Provided data =>

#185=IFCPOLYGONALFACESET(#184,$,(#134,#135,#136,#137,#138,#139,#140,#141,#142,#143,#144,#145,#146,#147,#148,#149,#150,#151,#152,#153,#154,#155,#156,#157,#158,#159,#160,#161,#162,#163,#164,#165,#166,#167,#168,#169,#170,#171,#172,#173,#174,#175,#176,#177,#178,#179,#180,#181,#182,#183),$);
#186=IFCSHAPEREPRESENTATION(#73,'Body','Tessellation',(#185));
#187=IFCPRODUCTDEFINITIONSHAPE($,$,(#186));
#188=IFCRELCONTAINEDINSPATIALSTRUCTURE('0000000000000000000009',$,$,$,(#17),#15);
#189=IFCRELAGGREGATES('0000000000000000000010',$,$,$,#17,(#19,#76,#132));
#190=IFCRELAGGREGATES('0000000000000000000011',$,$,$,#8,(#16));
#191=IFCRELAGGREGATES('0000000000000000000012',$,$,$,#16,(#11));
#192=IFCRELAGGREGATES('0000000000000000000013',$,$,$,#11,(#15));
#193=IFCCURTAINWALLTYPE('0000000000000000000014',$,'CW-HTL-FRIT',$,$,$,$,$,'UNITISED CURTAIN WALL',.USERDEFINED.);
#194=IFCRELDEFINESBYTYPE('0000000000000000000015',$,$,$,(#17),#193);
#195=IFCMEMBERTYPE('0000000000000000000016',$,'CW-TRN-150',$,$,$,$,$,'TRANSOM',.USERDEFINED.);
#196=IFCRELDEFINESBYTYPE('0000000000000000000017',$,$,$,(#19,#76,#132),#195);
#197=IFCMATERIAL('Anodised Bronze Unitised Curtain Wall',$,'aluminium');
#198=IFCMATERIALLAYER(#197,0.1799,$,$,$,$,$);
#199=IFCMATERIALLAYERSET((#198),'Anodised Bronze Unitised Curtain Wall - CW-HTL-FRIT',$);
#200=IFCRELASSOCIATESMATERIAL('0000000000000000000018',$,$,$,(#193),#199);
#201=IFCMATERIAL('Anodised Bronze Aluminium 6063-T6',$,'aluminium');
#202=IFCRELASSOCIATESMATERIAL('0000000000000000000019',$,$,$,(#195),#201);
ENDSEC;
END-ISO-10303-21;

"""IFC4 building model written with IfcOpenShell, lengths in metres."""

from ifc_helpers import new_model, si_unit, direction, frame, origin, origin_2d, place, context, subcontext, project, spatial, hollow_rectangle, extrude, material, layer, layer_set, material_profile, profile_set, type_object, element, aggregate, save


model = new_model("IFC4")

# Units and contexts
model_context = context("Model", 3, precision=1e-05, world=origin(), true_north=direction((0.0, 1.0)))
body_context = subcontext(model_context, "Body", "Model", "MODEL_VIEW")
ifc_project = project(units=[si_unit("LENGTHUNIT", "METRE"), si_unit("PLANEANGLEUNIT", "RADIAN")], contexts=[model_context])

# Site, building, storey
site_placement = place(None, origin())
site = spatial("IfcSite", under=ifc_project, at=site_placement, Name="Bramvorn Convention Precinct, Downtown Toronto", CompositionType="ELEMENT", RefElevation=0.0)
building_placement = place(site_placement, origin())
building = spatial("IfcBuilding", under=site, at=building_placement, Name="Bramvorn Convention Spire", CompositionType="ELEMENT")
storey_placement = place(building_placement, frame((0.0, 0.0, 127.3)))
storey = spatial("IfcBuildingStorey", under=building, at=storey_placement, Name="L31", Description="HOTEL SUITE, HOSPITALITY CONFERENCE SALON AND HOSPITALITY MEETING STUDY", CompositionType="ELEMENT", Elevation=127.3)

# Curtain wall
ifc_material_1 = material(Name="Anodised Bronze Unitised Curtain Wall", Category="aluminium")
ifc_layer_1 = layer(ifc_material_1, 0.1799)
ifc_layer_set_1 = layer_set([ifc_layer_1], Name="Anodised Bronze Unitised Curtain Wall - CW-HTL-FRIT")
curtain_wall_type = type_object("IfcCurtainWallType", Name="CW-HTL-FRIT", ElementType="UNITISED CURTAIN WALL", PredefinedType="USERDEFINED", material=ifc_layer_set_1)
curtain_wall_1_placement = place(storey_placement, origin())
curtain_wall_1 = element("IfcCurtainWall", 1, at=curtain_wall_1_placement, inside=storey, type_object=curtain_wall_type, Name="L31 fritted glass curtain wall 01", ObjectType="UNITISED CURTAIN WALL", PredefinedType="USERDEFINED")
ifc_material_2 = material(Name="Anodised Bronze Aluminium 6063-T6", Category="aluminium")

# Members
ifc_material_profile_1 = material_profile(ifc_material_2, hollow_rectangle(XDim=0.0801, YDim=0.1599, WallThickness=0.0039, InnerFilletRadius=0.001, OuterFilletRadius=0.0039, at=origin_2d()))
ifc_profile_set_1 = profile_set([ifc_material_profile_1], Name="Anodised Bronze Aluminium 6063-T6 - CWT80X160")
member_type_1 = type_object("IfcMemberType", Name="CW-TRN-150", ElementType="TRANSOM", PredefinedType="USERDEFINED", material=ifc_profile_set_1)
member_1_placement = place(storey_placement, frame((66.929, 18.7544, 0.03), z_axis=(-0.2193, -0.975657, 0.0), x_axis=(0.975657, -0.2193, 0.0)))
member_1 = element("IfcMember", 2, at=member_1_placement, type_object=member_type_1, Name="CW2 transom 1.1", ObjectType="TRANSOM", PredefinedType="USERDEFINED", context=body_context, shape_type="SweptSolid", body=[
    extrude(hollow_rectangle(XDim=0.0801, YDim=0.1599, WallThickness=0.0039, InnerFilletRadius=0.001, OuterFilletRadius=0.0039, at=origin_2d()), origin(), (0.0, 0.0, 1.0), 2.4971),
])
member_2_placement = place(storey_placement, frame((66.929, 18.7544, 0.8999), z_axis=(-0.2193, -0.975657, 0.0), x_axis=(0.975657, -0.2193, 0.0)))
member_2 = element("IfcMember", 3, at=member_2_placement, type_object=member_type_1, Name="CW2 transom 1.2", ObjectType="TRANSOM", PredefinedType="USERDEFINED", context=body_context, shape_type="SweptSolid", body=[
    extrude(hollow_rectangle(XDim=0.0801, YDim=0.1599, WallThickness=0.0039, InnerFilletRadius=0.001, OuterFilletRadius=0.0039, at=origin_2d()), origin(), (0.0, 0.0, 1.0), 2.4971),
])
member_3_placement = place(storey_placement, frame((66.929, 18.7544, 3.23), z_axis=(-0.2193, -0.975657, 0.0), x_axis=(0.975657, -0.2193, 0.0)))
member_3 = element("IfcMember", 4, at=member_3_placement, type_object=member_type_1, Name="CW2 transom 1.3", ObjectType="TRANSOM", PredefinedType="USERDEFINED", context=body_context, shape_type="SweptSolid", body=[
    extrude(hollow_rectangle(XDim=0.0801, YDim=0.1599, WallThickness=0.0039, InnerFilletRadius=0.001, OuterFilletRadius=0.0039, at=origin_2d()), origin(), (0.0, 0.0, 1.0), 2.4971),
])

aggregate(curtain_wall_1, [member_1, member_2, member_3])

Required action =>
Lines from the records above that hold "TRANSOM" are the ones to list.

Answer space =>
#195=IFCMEMBERTYPE('0000000000000000000016',$,'CW-TRN-150',$,$,$,$,$,'TRANSOM',.USERDEFINED.);
member_type_1 = type_object("IfcMemberType", Name="CW-TRN-150", ElementType="TRANSOM", PredefinedType="USERDEFINED", material=ifc_profile_set_1)
member_1 = element("IfcMember", 2, at=member_1_placement, type_object=member_type_1, Name="CW2 transom 1.1", ObjectType="TRANSOM", PredefinedType="USERDEFINED", context=body_context, shape_type="SweptSolid", body=[
member_2 = element("IfcMember", 3, at=member_2_placement, type_object=member_type_1, Name="CW2 transom 1.2", ObjectType="TRANSOM", PredefinedType="USERDEFINED", context=body_context, shape_type="SweptSolid", body=[
member_3 = element("IfcMember", 4, at=member_3_placement, type_object=member_type_1, Name="CW2 transom 1.3", ObjectType="TRANSOM", PredefinedType="USERDEFINED", context=body_context, shape_type="SweptSolid", body=[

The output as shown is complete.